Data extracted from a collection
= = = = = = =
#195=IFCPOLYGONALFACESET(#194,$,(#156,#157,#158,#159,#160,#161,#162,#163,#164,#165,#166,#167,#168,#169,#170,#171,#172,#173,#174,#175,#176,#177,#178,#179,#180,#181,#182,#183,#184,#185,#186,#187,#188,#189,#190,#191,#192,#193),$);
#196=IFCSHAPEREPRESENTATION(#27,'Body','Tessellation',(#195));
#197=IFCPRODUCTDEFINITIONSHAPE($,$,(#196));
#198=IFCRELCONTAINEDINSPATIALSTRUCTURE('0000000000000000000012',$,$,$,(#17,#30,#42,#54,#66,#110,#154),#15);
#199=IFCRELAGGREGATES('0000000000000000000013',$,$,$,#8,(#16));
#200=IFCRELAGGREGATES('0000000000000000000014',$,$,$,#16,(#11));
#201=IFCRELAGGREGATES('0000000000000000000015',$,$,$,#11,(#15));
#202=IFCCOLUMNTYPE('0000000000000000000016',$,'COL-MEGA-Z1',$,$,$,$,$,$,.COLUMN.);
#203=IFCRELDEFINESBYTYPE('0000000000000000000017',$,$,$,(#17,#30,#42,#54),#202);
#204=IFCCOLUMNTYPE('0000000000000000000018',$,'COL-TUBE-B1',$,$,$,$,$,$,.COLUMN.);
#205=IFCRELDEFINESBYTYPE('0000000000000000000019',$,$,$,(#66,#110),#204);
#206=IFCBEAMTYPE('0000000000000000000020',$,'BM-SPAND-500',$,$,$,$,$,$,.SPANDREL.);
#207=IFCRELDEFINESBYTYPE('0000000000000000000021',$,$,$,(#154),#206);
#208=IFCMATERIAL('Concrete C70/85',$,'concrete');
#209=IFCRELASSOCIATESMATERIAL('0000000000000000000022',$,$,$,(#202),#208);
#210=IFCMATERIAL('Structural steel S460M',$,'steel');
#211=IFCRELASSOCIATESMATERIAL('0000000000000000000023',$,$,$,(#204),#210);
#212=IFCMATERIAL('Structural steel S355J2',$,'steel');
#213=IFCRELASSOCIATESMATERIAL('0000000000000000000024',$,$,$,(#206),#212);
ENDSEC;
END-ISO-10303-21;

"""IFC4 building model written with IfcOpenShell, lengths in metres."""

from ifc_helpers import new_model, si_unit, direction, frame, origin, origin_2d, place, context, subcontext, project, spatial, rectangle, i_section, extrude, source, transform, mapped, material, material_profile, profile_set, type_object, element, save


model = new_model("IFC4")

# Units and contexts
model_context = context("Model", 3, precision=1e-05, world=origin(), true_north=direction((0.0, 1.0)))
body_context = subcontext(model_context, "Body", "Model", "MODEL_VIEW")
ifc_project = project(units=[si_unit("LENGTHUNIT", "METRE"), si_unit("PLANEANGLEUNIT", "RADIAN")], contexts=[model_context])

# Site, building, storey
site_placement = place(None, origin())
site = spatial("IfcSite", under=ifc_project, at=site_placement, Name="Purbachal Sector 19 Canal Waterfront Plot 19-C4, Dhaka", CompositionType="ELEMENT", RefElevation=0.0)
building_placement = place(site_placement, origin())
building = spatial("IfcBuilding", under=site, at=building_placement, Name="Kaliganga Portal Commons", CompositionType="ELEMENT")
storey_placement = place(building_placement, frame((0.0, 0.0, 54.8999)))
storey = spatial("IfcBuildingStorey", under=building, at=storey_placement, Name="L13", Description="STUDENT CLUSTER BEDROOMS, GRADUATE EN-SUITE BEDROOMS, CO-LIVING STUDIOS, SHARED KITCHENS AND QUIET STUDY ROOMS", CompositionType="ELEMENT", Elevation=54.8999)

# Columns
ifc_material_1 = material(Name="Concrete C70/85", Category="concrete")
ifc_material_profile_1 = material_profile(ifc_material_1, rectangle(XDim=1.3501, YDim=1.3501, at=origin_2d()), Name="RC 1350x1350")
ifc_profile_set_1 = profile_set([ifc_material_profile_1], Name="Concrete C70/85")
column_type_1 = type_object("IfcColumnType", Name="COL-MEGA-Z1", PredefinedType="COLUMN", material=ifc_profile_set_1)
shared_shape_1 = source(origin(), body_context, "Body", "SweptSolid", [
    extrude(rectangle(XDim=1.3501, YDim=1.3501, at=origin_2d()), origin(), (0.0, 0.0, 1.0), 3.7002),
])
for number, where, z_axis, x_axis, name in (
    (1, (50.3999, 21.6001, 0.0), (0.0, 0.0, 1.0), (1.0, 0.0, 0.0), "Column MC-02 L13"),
= = = = = = =
▶ _About this task_:
Return the span of lines in the data above that opens at the line with "#208=IFCMATERIAL('Concrete C70/85',$,'concrete');" and closes at the line with "END-ISO-10303-21;", exactly, ends included, nothing else.

▶ _Result for this task_:
#208=IFCMATERIAL('Concrete C70/85',$,'concrete');
#209=IFCRELASSOCIATESMATERIAL('0000000000000000000022',$,$,$,(#202),#208);
#210=IFCMATERIAL('Structural steel S460M',$,'steel');
#211=IFCRELASSOCIATESMATERIAL('0000000000000000000023',$,$,$,(#204),#210);
#212=IFCMATERIAL('Structural steel S355J2',$,'steel');
#213=IFCRELASSOCIATESMATERIAL('0000000000000000000024',$,$,$,(#206),#212);
ENDSEC;
END-ISO-10303-21;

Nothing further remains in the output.